*** Block opens ***

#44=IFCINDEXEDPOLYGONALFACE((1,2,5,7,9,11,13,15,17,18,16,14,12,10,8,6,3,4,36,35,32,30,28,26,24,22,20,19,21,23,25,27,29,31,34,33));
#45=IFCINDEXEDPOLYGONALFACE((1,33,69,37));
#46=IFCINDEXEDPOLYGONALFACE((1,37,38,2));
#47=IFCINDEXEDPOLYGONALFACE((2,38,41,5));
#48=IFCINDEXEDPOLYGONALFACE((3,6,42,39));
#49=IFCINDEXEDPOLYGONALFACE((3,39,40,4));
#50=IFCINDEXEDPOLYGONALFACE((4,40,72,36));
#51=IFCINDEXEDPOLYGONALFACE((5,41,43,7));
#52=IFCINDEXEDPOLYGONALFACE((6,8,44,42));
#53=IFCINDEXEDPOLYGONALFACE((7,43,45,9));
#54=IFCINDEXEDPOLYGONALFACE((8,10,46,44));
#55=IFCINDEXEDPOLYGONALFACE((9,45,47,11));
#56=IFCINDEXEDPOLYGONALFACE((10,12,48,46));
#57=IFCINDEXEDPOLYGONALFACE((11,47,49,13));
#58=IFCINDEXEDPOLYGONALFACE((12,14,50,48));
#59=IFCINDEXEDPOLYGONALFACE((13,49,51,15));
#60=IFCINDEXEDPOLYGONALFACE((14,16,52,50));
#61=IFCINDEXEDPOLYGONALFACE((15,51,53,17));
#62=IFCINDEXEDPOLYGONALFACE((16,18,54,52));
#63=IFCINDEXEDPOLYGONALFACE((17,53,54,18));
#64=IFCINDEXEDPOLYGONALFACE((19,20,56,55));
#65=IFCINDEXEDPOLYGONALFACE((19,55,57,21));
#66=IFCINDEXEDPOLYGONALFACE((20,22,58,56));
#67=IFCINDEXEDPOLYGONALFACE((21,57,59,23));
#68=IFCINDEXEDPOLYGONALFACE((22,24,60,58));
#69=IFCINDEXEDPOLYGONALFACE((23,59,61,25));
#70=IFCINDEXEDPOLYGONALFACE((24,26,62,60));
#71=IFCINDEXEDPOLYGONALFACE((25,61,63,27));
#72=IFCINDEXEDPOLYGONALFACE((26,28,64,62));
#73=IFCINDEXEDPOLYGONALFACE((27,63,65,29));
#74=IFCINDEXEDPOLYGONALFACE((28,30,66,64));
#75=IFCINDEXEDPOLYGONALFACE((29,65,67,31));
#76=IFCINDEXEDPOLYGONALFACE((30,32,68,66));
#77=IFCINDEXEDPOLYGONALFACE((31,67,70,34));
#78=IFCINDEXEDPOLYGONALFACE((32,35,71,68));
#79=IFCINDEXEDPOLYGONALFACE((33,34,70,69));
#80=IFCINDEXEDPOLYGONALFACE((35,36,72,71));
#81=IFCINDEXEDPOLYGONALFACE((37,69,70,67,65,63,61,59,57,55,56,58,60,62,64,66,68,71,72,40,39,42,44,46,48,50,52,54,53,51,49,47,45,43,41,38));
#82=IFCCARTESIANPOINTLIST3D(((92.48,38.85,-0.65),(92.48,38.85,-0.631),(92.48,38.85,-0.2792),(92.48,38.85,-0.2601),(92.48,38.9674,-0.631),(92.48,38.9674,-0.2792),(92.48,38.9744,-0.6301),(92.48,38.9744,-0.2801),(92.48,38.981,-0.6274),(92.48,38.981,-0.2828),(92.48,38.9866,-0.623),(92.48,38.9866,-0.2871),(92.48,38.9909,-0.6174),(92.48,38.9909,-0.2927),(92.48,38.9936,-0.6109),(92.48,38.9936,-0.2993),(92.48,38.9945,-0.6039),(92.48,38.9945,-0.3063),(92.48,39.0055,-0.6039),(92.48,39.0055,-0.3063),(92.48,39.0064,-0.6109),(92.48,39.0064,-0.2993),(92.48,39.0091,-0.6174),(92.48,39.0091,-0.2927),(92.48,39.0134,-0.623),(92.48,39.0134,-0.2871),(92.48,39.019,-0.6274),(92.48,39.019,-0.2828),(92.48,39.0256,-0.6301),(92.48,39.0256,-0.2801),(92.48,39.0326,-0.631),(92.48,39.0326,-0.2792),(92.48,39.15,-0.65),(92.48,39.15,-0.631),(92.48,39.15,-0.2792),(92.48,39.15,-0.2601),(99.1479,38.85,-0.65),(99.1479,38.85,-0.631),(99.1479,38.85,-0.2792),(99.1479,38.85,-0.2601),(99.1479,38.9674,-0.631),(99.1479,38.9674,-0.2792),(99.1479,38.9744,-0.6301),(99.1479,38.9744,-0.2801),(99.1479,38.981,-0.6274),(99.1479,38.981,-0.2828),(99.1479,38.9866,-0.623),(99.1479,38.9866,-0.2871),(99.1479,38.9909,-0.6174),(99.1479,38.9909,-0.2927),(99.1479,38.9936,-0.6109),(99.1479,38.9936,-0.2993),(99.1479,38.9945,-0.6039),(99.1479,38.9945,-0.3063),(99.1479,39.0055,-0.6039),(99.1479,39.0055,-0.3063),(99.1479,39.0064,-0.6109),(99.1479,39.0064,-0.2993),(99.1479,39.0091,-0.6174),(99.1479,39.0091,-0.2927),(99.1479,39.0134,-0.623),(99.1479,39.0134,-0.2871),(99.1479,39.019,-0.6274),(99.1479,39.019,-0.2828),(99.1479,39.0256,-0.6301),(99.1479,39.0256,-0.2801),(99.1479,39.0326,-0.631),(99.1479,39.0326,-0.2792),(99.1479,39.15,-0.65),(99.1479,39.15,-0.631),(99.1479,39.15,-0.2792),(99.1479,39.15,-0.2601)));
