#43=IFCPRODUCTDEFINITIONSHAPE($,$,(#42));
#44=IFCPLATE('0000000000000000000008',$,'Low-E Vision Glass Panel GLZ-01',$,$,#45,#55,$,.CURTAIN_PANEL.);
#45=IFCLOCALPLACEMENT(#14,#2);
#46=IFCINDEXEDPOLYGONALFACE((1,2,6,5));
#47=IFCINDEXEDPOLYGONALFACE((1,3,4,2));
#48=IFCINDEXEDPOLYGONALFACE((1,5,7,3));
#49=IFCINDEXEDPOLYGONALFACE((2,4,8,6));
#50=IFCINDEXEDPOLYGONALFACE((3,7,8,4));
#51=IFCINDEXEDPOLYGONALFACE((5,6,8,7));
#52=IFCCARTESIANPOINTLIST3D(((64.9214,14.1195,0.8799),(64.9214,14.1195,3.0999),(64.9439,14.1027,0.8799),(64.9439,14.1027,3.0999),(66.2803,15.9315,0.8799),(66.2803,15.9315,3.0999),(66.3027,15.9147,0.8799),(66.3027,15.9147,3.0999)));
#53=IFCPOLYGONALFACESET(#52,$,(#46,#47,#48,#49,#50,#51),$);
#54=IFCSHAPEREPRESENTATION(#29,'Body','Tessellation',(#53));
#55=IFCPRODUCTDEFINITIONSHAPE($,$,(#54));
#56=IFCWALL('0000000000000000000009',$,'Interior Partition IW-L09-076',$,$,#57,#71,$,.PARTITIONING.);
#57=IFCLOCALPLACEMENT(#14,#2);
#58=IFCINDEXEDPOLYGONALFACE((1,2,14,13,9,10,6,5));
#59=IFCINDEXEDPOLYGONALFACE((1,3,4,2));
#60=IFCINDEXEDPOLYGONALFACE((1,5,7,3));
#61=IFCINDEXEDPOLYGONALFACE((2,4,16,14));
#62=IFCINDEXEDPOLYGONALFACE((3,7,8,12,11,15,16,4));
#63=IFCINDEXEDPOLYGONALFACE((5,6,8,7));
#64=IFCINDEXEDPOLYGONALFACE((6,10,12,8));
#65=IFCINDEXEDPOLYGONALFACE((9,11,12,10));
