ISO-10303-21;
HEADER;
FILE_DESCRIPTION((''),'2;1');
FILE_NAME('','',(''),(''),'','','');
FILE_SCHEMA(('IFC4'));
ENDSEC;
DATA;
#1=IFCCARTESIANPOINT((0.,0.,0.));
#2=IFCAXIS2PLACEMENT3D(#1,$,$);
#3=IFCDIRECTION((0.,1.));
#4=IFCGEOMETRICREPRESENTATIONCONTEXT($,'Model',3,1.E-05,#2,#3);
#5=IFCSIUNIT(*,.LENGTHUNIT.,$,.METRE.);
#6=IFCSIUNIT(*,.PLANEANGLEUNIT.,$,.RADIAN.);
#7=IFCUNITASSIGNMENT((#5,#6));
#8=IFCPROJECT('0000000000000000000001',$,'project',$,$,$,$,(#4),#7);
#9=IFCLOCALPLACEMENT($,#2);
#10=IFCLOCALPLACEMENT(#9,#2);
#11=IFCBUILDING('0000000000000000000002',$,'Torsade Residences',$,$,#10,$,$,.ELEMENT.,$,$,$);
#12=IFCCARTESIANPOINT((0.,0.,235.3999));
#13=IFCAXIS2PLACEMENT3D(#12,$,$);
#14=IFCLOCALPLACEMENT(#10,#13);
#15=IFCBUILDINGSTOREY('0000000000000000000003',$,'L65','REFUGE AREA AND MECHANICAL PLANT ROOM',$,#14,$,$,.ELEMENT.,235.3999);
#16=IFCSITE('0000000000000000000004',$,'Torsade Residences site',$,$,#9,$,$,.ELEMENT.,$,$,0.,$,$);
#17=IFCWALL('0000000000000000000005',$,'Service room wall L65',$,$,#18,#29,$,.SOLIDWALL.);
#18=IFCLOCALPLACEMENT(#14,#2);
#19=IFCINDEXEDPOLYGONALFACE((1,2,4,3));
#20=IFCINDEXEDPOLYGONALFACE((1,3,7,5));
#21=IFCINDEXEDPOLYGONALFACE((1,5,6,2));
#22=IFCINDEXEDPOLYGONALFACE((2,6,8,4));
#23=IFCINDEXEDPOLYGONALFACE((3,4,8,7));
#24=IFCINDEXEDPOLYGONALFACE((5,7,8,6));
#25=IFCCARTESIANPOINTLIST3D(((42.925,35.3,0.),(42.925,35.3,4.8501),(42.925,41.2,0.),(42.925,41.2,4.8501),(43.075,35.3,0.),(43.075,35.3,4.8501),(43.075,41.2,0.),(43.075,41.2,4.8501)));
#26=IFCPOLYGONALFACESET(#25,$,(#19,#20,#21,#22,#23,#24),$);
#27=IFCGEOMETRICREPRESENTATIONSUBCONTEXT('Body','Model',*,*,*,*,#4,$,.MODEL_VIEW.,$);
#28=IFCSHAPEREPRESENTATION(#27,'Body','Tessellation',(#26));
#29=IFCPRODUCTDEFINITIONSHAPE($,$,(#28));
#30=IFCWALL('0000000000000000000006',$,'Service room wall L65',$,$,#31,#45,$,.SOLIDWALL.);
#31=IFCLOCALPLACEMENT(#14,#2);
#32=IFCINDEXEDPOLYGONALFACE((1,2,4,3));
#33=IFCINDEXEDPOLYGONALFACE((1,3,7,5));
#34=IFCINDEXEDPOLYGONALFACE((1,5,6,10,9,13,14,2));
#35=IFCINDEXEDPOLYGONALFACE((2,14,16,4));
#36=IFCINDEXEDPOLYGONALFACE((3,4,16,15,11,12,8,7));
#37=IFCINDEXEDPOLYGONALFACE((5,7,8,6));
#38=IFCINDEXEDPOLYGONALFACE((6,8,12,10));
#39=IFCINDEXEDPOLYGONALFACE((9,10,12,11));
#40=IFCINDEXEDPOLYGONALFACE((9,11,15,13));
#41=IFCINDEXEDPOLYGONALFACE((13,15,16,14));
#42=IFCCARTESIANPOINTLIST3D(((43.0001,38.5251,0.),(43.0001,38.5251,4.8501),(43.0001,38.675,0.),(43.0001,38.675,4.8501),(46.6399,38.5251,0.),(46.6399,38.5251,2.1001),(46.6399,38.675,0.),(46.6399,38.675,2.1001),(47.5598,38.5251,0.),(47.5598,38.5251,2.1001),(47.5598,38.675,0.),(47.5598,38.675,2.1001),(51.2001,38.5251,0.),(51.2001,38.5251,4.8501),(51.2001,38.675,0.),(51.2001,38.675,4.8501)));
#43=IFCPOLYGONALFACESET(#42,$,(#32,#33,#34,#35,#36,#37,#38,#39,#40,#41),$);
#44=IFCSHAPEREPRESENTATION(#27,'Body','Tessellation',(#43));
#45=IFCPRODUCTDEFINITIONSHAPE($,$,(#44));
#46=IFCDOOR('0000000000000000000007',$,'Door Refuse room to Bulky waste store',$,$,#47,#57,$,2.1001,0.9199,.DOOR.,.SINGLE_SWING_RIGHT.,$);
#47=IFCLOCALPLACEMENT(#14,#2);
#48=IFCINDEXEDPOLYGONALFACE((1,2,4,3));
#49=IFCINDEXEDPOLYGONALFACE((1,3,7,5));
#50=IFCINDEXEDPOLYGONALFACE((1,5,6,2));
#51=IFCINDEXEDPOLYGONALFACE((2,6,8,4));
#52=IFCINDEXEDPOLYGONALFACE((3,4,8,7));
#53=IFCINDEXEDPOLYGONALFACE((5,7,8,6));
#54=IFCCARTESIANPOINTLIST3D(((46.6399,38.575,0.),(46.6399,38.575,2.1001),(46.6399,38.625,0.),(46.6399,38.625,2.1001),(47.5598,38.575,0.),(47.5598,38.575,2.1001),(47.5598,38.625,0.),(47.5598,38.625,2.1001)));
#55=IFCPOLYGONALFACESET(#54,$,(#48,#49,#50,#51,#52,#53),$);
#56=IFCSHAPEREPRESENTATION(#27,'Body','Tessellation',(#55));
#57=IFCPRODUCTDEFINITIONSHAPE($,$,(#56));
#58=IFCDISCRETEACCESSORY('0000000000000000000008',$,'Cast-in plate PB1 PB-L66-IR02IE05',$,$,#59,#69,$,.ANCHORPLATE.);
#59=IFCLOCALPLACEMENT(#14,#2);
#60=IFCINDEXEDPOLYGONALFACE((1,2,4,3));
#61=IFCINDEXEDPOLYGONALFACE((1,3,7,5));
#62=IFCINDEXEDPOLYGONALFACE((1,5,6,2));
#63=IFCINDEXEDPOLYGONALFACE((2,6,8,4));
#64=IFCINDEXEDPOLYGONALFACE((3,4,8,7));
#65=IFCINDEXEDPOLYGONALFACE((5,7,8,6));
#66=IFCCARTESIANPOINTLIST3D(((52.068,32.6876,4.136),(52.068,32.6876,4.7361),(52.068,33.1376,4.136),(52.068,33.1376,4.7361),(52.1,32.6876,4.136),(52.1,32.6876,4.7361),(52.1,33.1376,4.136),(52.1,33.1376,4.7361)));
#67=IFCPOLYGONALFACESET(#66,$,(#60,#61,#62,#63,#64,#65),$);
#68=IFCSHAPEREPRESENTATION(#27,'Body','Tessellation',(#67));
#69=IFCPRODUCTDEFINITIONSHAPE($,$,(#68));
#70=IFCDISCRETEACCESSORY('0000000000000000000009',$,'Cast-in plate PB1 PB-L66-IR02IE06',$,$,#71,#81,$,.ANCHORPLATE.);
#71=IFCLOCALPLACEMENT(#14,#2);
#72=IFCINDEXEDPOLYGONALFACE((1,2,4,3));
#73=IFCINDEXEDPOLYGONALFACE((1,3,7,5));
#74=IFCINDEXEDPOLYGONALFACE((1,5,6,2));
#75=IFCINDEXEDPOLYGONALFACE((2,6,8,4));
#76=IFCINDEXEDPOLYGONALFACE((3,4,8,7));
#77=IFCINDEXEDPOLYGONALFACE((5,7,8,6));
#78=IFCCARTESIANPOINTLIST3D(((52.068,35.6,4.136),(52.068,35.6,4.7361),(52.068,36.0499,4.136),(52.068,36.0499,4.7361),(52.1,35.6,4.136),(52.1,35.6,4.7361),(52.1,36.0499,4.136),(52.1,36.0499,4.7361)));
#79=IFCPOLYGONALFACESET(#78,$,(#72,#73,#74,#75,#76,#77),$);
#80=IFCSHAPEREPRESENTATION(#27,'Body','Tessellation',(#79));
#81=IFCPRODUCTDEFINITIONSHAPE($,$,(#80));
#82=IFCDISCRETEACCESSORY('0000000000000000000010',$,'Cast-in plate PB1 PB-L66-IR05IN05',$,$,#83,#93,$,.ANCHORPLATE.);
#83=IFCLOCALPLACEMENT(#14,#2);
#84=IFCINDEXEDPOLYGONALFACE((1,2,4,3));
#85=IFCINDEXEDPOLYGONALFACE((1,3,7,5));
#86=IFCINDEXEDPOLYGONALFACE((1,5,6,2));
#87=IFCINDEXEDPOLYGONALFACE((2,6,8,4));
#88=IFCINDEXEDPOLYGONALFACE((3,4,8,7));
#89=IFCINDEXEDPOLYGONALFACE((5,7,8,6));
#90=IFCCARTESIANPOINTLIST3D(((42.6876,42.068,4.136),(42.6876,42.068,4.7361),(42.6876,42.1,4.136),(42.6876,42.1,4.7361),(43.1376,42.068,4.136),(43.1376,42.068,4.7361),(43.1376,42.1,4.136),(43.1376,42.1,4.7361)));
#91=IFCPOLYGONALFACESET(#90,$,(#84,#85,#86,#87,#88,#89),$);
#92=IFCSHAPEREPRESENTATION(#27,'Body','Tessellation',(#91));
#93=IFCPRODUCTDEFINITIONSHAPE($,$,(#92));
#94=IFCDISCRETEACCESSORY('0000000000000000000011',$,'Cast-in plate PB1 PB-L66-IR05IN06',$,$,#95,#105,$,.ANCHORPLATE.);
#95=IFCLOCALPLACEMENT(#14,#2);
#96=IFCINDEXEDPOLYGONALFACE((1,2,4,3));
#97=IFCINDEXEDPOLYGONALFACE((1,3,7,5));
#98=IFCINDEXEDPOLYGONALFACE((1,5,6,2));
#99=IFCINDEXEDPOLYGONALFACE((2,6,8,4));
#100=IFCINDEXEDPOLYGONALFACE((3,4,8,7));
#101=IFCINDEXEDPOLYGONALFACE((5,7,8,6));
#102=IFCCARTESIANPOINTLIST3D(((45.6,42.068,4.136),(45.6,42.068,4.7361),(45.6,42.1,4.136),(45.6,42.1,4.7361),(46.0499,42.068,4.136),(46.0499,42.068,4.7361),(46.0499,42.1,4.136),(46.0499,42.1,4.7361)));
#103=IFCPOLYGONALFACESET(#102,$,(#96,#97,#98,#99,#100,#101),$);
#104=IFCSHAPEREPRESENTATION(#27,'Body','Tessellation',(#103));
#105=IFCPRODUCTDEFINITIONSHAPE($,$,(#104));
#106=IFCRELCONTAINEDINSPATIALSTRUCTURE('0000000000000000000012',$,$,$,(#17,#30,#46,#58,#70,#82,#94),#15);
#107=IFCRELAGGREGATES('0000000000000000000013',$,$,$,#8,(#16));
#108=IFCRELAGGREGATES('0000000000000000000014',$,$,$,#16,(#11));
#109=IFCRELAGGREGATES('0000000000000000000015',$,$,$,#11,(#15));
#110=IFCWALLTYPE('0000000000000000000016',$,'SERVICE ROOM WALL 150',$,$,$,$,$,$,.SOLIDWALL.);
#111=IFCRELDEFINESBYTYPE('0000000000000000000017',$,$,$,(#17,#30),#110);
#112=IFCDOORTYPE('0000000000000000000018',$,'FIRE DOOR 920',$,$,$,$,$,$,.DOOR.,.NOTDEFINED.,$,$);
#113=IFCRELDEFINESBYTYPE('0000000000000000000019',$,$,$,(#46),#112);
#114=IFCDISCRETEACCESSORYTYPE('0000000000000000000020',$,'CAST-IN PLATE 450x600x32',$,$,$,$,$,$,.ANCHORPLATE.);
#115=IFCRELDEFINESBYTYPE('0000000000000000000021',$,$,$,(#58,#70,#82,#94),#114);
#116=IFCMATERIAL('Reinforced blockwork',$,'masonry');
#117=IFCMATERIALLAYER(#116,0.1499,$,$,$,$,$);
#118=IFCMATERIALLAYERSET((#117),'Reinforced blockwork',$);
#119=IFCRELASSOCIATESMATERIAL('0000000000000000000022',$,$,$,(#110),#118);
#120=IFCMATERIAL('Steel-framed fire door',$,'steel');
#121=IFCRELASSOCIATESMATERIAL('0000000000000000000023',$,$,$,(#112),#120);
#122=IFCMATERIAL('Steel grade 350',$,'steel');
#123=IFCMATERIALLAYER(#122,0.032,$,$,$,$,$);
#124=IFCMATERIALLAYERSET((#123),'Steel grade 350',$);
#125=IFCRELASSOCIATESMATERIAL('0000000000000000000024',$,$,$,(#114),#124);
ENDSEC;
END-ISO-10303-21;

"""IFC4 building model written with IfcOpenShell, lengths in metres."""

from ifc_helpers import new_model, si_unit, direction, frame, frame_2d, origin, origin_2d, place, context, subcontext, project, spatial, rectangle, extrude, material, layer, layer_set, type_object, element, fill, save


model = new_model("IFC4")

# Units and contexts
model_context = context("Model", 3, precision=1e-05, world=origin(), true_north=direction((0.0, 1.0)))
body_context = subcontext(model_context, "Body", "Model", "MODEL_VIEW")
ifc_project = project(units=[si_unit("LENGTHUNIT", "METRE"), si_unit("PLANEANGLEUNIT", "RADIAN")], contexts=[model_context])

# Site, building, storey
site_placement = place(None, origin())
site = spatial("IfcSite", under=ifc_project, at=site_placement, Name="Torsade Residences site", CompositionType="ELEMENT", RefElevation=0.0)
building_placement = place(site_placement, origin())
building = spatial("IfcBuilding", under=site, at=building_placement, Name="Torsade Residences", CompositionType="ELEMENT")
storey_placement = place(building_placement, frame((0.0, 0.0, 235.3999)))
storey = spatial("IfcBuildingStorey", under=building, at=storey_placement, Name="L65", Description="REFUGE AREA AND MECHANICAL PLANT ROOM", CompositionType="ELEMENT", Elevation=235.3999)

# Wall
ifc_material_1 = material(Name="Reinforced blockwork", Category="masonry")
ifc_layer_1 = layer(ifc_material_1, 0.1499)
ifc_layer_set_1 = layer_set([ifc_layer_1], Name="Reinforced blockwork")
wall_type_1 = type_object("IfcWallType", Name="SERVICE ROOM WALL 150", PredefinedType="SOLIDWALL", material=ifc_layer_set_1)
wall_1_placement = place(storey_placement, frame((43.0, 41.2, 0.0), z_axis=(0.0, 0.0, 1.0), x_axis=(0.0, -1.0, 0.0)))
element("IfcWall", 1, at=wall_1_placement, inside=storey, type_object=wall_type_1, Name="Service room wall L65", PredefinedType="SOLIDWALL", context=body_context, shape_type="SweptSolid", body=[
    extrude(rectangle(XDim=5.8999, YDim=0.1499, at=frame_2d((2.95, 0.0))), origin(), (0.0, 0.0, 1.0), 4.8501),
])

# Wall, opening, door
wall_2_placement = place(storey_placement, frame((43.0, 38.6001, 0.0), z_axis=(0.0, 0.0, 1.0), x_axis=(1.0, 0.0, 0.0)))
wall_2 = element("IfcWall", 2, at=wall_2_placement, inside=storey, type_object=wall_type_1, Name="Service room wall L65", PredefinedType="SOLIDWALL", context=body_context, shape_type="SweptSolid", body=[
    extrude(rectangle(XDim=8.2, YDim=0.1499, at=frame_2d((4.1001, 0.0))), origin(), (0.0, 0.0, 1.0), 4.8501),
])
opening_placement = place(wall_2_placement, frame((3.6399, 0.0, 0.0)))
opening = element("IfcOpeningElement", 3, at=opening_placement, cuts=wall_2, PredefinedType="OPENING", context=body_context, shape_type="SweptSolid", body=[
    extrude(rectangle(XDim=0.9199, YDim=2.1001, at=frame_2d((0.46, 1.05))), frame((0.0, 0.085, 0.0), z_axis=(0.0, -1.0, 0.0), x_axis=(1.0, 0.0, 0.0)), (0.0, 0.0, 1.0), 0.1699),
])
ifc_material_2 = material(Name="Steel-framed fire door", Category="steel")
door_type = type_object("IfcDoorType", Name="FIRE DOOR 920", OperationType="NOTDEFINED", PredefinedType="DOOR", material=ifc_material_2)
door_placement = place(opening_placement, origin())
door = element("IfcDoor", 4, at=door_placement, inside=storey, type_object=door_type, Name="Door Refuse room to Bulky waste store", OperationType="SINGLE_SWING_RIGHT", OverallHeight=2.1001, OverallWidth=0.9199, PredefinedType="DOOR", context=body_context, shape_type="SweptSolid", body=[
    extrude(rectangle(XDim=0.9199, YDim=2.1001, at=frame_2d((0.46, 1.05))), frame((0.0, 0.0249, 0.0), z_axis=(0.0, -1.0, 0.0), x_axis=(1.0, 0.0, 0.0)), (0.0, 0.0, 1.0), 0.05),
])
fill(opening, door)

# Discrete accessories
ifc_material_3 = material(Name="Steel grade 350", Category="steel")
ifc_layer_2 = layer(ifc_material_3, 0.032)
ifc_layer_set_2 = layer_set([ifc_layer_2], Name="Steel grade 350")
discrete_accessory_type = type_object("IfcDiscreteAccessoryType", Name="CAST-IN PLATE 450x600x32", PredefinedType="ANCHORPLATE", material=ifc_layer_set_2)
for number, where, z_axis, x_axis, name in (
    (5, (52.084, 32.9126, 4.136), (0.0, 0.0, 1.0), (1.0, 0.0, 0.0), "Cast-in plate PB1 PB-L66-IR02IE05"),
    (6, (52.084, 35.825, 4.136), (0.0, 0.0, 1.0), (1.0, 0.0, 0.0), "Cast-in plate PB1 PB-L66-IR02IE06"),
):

*** Block closes ***

### Activity
What are the lines above, starting at the one with "#64=IFCINDEXEDPOLYGONALFACE((3,4,8,7));" and ending at the one with "#67=IFCPOLYGONALFACESET(#66,$,(#60,#61,#62,#63,#64,#65),$);"? Give them again exactly, and only them.

### Reply
#64=IFCINDEXEDPOLYGONALFACE((3,4,8,7));
#65=IFCINDEXEDPOLYGONALFACE((5,7,8,6));
#66=IFCCARTESIANPOINTLIST3D(((52.068,32.6876,4.136),(52.068,32.6876,4.7361),(52.068,33.1376,4.136),(52.068,33.1376,4.7361),(52.1,32.6876,4.136),(52.1,32.6876,4.7361),(52.1,33.1376,4.136),(52.1,33.1376,4.7361)));
#67=IFCPOLYGONALFACESET(#66,$,(#60,#61,#62,#63,#64,#65),$);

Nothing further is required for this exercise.